Collected data
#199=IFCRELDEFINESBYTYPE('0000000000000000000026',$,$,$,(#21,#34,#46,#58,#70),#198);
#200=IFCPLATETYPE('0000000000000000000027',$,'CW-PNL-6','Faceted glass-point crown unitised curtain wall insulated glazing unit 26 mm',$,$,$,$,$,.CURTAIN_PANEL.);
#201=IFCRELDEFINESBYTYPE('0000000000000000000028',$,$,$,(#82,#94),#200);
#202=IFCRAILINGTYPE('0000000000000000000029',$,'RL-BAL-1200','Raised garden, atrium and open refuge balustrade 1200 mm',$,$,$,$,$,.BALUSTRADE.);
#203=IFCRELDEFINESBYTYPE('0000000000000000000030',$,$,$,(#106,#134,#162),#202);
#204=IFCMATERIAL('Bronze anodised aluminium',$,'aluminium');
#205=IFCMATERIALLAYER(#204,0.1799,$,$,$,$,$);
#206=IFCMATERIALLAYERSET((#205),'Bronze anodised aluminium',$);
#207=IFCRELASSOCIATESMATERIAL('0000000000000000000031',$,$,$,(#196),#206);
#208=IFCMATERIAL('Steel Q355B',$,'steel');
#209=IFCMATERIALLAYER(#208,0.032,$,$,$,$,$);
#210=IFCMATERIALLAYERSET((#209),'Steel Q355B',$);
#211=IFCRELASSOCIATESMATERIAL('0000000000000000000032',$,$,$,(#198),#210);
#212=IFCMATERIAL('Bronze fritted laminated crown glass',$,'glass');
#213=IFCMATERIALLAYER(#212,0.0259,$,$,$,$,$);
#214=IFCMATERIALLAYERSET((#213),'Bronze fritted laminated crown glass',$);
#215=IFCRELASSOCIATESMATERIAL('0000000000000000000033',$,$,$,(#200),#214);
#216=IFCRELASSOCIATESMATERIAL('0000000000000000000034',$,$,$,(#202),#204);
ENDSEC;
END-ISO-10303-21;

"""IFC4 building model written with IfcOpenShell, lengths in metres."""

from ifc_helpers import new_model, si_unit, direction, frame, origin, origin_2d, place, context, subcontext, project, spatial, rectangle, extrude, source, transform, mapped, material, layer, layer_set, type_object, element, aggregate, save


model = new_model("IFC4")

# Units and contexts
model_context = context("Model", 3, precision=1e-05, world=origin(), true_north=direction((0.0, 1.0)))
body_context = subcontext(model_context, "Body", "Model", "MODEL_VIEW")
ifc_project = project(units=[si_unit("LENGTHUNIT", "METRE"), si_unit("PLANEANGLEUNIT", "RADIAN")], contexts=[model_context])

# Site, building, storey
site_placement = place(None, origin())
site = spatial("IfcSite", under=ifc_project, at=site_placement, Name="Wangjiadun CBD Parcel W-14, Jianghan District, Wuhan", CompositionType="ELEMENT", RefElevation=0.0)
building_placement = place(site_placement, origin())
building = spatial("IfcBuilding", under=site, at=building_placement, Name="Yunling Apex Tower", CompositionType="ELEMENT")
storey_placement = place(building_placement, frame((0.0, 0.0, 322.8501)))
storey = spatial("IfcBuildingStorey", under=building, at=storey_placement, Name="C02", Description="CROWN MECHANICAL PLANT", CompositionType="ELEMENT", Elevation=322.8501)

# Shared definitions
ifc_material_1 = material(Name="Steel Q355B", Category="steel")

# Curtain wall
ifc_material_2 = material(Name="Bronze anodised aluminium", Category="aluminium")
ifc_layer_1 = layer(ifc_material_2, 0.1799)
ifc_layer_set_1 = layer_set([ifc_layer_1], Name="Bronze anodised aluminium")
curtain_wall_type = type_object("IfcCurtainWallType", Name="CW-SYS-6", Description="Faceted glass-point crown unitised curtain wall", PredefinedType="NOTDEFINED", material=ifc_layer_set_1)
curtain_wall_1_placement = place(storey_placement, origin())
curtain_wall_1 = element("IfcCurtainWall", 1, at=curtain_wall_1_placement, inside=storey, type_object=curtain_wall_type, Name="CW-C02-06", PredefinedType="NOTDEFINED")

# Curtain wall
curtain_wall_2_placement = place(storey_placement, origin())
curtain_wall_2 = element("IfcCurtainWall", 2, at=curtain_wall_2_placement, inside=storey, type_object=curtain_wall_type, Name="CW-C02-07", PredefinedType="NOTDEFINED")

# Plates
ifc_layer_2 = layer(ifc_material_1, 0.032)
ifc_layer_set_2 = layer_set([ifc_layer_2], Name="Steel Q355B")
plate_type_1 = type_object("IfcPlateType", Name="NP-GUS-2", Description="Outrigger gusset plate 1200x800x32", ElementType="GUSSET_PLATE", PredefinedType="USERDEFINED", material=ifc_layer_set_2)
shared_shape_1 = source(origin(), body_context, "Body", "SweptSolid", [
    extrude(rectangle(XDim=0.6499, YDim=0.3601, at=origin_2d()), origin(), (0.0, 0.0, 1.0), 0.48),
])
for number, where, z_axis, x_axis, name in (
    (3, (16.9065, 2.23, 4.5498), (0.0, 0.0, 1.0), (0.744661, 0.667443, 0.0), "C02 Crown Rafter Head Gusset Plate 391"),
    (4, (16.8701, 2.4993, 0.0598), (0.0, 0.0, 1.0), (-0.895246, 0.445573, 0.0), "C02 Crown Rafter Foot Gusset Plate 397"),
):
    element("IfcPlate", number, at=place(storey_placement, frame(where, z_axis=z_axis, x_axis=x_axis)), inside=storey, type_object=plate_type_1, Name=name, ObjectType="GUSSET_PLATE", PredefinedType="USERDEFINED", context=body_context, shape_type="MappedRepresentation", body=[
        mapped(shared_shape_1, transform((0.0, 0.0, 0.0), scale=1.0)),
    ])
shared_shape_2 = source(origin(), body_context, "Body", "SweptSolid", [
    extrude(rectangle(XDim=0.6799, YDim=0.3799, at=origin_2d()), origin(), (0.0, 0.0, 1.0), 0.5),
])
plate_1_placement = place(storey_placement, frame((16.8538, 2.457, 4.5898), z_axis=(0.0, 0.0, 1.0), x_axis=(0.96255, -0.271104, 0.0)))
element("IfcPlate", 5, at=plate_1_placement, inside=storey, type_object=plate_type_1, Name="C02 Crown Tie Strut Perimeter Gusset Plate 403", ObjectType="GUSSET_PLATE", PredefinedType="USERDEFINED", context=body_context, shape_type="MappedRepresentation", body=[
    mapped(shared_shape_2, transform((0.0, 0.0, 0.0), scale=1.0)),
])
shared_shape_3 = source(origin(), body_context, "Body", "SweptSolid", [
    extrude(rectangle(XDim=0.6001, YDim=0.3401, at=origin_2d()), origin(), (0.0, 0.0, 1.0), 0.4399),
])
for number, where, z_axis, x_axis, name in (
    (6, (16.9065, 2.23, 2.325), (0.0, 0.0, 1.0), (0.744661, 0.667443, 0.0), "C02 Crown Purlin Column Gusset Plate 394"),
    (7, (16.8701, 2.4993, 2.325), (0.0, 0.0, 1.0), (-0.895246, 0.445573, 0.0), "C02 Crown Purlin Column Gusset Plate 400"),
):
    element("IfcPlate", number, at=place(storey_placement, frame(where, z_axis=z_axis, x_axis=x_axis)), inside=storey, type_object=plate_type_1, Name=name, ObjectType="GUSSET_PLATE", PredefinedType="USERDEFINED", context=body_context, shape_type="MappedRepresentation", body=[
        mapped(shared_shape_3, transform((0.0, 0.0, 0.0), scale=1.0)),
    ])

--

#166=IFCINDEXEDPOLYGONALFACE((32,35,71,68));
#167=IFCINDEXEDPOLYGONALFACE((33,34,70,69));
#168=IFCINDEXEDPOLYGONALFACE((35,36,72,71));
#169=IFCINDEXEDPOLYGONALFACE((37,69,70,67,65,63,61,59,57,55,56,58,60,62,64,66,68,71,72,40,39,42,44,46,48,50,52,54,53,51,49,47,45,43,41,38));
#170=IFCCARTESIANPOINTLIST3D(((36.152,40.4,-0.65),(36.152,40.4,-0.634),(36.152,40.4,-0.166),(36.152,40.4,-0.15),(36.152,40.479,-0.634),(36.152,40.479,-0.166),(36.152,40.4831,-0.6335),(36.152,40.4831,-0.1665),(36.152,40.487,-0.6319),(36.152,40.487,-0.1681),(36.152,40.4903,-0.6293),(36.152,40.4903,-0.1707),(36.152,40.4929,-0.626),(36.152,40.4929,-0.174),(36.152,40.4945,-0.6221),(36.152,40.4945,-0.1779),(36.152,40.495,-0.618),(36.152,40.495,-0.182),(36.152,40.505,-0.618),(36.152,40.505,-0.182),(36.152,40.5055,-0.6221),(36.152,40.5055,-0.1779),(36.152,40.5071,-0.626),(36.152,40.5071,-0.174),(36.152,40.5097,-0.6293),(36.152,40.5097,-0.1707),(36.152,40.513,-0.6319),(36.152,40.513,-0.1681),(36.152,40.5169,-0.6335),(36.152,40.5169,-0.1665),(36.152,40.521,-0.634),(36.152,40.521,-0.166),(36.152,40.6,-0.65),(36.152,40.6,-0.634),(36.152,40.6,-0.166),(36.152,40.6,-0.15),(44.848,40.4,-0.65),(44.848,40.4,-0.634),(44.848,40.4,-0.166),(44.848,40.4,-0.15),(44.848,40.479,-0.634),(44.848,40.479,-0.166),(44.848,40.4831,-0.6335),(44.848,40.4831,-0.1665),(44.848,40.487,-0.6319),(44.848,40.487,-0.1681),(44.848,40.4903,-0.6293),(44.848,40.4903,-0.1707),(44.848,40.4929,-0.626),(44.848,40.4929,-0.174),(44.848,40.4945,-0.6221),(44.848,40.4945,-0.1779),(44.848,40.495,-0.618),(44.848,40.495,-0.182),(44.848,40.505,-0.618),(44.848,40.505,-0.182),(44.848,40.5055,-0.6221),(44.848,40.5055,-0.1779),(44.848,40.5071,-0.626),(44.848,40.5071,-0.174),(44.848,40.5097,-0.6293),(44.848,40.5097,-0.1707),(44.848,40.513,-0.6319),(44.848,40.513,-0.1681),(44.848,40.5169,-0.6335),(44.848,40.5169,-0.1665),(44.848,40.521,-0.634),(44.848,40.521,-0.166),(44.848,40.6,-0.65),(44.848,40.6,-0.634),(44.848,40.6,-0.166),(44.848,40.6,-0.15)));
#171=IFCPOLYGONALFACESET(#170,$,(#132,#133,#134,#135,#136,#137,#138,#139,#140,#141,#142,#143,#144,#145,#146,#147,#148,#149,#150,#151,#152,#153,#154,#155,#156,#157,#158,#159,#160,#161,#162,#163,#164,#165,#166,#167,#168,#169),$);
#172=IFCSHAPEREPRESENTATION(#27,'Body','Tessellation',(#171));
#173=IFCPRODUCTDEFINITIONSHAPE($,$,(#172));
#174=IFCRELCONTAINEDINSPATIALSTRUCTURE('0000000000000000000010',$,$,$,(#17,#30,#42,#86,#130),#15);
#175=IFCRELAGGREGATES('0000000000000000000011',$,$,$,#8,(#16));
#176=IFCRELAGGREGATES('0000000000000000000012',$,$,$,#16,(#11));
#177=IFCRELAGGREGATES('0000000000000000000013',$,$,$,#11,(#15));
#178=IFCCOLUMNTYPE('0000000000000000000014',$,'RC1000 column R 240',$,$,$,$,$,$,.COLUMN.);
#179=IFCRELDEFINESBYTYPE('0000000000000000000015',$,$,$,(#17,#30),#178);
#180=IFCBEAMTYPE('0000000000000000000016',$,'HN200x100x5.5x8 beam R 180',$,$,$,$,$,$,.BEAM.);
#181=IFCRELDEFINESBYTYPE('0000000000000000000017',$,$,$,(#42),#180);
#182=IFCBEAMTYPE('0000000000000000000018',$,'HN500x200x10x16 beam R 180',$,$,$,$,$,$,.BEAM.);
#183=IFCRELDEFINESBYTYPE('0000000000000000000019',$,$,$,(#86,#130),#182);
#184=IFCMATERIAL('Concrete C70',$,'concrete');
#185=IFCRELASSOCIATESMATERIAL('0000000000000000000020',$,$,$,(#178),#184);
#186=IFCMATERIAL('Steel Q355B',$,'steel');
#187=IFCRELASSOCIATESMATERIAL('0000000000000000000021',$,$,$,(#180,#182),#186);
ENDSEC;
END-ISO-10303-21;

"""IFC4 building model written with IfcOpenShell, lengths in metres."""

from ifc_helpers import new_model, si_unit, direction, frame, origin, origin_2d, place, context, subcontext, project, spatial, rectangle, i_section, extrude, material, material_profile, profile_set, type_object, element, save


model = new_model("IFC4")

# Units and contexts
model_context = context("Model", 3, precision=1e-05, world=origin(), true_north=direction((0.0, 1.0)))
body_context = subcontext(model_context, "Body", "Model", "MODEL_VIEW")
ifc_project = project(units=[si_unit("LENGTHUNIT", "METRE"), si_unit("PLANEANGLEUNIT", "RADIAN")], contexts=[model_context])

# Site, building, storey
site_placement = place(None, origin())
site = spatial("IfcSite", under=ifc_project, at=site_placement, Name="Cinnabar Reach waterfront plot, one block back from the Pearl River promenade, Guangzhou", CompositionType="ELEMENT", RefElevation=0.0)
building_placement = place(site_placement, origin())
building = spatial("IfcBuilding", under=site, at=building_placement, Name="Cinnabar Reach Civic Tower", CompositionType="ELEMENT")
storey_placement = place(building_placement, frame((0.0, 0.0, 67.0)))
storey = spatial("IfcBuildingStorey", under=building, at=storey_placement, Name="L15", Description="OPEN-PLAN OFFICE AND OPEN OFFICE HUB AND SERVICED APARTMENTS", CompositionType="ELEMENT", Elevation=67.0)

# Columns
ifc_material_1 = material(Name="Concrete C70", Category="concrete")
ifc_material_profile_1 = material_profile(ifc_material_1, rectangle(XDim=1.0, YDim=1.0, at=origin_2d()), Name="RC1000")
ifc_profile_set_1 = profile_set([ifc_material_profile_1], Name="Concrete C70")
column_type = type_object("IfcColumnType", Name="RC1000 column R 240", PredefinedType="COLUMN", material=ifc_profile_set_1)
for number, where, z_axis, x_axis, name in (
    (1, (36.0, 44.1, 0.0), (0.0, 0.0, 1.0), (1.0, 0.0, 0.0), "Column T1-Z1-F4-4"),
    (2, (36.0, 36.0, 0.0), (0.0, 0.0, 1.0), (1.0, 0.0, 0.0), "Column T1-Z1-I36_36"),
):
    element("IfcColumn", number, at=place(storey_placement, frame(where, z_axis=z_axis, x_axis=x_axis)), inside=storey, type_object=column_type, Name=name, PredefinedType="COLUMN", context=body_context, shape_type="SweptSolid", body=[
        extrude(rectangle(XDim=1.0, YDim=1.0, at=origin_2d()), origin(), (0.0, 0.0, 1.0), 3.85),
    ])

## Exercise objective
Go through the records, tally the lines holding the word "inside", and give only the tally.

## Solution to this problem
6